=== ABOUT THIS EXERCISE ===
Output the opening lines of the records exactly. End with the line that contains "#153=IFCMATERIAL('Galvanised Painted Steel',$,'steel');".

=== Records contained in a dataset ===
────
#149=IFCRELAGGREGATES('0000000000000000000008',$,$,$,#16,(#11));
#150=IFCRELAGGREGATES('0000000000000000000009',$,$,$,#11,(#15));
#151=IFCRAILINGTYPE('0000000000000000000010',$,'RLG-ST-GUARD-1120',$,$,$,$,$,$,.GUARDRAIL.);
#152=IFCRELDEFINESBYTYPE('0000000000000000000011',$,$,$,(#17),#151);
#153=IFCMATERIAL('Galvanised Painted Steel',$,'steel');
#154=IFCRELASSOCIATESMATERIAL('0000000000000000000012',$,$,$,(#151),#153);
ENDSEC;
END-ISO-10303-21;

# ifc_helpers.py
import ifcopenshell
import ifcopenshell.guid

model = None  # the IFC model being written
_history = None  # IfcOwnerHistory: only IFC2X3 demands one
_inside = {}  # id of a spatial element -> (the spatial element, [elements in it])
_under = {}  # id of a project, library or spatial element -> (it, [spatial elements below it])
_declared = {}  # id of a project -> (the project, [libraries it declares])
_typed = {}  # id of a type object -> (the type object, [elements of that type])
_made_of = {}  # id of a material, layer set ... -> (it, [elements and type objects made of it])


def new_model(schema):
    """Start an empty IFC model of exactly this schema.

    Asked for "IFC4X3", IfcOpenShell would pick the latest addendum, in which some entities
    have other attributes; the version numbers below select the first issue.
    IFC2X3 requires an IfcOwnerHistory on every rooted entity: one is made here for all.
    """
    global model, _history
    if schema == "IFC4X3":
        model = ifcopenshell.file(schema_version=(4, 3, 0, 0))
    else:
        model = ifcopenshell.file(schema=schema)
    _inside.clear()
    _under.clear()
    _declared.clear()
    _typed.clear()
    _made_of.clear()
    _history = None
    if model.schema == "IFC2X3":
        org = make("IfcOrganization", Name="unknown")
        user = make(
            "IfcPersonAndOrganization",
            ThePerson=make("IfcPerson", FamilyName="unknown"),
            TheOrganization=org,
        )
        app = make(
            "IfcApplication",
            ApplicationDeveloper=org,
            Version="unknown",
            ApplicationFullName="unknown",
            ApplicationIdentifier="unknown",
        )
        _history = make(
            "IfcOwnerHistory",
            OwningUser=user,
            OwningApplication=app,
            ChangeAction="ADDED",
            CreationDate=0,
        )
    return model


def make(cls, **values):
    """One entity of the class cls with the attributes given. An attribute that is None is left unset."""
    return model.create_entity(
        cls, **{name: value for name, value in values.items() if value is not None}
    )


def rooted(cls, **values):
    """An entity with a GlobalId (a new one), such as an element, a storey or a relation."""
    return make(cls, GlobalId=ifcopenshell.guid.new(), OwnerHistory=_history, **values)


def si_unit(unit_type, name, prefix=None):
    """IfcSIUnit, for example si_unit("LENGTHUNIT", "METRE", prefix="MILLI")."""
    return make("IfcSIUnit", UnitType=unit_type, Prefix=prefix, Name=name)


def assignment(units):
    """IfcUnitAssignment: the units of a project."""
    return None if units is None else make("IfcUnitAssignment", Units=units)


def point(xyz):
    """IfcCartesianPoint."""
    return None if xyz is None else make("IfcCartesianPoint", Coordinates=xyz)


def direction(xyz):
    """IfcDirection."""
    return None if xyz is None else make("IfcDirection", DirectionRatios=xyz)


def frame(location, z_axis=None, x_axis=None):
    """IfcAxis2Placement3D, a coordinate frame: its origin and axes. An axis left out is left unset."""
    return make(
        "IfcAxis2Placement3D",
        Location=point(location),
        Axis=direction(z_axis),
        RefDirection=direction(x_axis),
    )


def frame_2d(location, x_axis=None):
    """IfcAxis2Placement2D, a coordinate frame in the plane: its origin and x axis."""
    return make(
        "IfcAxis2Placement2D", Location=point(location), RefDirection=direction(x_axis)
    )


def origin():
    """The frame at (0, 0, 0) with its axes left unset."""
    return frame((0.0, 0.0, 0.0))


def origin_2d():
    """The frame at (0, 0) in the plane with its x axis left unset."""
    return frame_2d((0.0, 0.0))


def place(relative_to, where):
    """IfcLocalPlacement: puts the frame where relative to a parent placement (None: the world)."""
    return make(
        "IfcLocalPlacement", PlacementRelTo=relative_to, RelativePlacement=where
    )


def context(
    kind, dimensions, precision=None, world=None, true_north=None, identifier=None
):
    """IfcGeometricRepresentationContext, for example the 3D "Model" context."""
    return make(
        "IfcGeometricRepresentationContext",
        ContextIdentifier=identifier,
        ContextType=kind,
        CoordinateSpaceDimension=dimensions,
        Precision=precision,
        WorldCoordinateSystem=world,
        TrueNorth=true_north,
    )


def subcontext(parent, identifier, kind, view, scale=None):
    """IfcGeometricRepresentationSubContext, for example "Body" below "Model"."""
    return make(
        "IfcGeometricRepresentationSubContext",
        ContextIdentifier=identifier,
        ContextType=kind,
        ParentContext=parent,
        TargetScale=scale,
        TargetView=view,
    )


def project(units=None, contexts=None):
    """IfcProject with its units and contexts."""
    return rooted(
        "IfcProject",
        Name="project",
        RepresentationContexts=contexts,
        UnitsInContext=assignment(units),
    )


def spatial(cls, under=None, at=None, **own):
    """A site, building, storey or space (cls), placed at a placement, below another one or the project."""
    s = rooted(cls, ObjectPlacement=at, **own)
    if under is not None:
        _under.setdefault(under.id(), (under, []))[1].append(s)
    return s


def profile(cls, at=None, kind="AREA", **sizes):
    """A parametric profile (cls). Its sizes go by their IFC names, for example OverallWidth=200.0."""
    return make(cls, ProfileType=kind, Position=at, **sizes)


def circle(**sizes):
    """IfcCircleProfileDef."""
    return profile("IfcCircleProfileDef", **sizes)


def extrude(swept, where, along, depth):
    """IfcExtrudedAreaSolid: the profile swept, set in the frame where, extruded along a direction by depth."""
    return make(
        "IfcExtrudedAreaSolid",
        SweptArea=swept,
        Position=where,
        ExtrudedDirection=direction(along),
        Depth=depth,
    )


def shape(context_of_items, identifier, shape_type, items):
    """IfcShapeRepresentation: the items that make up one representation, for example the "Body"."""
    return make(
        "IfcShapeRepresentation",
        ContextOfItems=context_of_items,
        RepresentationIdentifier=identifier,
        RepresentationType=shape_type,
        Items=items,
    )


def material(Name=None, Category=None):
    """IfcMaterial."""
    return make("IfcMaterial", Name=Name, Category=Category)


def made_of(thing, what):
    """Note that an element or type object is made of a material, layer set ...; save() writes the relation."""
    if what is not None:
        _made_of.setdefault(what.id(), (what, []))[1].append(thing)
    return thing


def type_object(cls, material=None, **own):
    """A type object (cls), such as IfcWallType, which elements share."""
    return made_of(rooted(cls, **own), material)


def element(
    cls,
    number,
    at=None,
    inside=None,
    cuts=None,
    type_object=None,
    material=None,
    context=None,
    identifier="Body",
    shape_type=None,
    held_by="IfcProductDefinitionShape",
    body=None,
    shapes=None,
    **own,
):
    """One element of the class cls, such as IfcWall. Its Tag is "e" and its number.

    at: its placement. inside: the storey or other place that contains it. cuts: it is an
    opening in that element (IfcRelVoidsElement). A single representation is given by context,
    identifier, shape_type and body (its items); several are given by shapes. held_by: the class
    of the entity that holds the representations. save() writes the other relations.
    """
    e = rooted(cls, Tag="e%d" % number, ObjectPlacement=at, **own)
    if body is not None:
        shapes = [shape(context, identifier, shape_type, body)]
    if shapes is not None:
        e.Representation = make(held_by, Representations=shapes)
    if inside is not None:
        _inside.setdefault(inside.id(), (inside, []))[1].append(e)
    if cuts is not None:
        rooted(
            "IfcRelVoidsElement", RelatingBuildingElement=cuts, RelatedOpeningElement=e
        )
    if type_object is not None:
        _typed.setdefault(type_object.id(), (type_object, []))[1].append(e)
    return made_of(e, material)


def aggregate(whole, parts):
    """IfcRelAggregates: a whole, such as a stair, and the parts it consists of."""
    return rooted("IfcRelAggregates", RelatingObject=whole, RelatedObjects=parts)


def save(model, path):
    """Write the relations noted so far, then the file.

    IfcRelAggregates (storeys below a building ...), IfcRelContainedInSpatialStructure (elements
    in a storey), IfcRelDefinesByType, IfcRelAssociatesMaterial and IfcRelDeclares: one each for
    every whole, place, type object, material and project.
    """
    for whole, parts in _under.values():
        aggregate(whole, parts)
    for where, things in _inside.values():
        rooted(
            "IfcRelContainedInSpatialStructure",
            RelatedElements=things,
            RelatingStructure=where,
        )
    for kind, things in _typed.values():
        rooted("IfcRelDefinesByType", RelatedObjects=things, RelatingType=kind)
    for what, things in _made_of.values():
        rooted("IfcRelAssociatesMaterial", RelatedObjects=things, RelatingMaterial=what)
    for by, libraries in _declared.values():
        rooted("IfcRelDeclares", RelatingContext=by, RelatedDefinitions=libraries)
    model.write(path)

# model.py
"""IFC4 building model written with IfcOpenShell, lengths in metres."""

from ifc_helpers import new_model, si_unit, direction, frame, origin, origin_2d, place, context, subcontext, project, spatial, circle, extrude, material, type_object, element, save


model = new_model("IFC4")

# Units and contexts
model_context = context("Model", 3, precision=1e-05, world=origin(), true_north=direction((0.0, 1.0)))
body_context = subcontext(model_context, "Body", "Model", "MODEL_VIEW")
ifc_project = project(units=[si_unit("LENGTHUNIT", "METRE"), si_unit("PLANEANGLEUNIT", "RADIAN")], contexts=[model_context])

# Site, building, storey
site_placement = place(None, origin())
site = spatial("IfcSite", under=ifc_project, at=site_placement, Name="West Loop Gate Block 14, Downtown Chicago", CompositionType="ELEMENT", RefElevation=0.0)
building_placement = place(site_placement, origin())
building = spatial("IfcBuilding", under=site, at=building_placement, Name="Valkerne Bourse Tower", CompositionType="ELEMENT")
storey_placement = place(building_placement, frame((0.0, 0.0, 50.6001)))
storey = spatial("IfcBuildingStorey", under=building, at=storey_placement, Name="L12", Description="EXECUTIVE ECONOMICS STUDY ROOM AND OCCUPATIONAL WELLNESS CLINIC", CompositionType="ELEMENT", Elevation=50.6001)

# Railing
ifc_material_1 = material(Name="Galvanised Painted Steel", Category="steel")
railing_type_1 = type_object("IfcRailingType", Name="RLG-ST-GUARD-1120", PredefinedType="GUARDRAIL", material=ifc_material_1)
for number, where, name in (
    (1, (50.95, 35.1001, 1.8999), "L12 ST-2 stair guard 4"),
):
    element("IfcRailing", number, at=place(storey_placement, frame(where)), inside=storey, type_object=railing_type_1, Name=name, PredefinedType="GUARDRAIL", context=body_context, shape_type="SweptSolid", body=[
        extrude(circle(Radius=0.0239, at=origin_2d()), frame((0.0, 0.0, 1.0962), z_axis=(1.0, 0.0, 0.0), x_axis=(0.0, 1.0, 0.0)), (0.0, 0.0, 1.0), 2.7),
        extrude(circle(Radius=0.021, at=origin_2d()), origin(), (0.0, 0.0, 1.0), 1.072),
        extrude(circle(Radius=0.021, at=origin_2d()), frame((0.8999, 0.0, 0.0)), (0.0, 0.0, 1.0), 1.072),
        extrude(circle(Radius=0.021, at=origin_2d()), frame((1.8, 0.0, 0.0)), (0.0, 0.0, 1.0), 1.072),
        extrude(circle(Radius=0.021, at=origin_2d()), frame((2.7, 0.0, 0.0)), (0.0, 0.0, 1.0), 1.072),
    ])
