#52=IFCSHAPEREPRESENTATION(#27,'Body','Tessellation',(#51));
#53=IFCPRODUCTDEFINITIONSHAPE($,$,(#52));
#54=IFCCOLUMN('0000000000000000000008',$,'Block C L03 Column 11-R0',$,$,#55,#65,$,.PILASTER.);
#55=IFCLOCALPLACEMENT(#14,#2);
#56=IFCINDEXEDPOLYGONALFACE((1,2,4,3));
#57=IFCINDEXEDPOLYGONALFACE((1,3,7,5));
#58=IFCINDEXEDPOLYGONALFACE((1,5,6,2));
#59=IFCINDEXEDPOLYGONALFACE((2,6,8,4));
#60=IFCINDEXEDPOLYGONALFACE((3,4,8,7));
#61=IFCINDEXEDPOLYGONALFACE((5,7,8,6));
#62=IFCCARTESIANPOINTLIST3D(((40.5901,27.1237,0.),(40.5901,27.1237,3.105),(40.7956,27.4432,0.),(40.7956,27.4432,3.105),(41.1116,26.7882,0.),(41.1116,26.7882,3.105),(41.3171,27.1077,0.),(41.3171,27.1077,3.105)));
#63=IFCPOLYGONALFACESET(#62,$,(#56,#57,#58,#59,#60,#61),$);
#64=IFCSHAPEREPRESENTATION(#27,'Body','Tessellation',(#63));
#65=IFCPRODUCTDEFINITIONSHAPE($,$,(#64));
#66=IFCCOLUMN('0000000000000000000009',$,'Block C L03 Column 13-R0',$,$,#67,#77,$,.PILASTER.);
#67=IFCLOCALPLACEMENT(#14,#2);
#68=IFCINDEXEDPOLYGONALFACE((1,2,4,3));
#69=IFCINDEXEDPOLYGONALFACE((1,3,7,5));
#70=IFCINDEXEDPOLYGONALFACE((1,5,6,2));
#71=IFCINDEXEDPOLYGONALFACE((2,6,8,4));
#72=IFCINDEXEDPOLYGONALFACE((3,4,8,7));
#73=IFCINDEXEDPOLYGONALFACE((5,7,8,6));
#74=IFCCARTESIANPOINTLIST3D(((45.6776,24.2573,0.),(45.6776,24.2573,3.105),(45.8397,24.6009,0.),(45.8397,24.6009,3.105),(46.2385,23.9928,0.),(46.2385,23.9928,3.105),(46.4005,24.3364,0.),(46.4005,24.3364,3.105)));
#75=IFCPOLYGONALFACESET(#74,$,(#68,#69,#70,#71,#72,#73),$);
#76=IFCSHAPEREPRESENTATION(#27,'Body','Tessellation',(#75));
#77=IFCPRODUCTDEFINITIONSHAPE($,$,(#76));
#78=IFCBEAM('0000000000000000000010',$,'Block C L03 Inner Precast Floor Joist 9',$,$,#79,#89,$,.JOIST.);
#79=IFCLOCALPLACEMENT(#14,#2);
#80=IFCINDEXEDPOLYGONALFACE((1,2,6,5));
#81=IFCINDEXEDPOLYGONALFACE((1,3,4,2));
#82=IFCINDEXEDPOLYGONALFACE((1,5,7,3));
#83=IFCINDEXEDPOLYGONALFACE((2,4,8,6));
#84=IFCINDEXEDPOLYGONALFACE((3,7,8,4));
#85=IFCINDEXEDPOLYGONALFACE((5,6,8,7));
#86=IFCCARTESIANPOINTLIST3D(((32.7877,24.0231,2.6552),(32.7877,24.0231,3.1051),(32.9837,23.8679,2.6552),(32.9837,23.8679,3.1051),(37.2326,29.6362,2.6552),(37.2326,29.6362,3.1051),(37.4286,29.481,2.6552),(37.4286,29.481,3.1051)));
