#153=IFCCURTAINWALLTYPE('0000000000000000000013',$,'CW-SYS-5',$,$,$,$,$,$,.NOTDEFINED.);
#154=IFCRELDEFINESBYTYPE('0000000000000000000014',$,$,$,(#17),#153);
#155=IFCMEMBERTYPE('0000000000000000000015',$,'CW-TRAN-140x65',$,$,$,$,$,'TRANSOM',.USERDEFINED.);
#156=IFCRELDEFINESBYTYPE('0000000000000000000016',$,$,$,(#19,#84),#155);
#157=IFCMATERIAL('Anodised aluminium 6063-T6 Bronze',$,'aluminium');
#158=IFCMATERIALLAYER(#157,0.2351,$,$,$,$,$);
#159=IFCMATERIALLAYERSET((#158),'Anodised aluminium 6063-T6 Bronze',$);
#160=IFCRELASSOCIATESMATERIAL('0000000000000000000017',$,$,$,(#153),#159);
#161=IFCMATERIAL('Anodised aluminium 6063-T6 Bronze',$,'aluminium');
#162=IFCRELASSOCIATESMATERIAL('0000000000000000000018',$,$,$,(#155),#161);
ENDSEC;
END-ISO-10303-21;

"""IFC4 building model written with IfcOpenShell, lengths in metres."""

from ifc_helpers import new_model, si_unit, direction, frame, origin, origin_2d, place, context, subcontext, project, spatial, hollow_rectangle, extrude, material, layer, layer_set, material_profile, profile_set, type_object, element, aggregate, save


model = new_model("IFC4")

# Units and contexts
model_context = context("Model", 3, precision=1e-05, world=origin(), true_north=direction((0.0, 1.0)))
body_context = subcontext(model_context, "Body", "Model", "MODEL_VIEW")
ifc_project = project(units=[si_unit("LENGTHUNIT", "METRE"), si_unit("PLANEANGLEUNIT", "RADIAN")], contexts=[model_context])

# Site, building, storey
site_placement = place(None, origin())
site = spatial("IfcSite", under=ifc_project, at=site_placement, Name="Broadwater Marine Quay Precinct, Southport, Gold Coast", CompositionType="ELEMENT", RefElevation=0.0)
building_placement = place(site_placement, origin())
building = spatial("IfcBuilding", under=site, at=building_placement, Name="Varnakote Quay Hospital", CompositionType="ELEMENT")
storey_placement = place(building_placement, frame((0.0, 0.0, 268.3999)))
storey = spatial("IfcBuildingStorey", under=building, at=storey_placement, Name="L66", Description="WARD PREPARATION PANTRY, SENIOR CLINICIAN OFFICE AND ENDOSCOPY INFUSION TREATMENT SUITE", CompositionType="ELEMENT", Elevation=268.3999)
────
=== EXERCISE OUTPUT ===
#149=IFCRELAGGREGATES('0000000000000000000008',$,$,$,#16,(#11));
#150=IFCRELAGGREGATES('0000000000000000000009',$,$,$,#11,(#15));
#151=IFCRAILINGTYPE('0000000000000000000010',$,'RLG-ST-GUARD-1120',$,$,$,$,$,$,.GUARDRAIL.);
#152=IFCRELDEFINESBYTYPE('0000000000000000000011',$,$,$,(#17),#151);
#153=IFCMATERIAL('Galvanised Painted Steel',$,'steel');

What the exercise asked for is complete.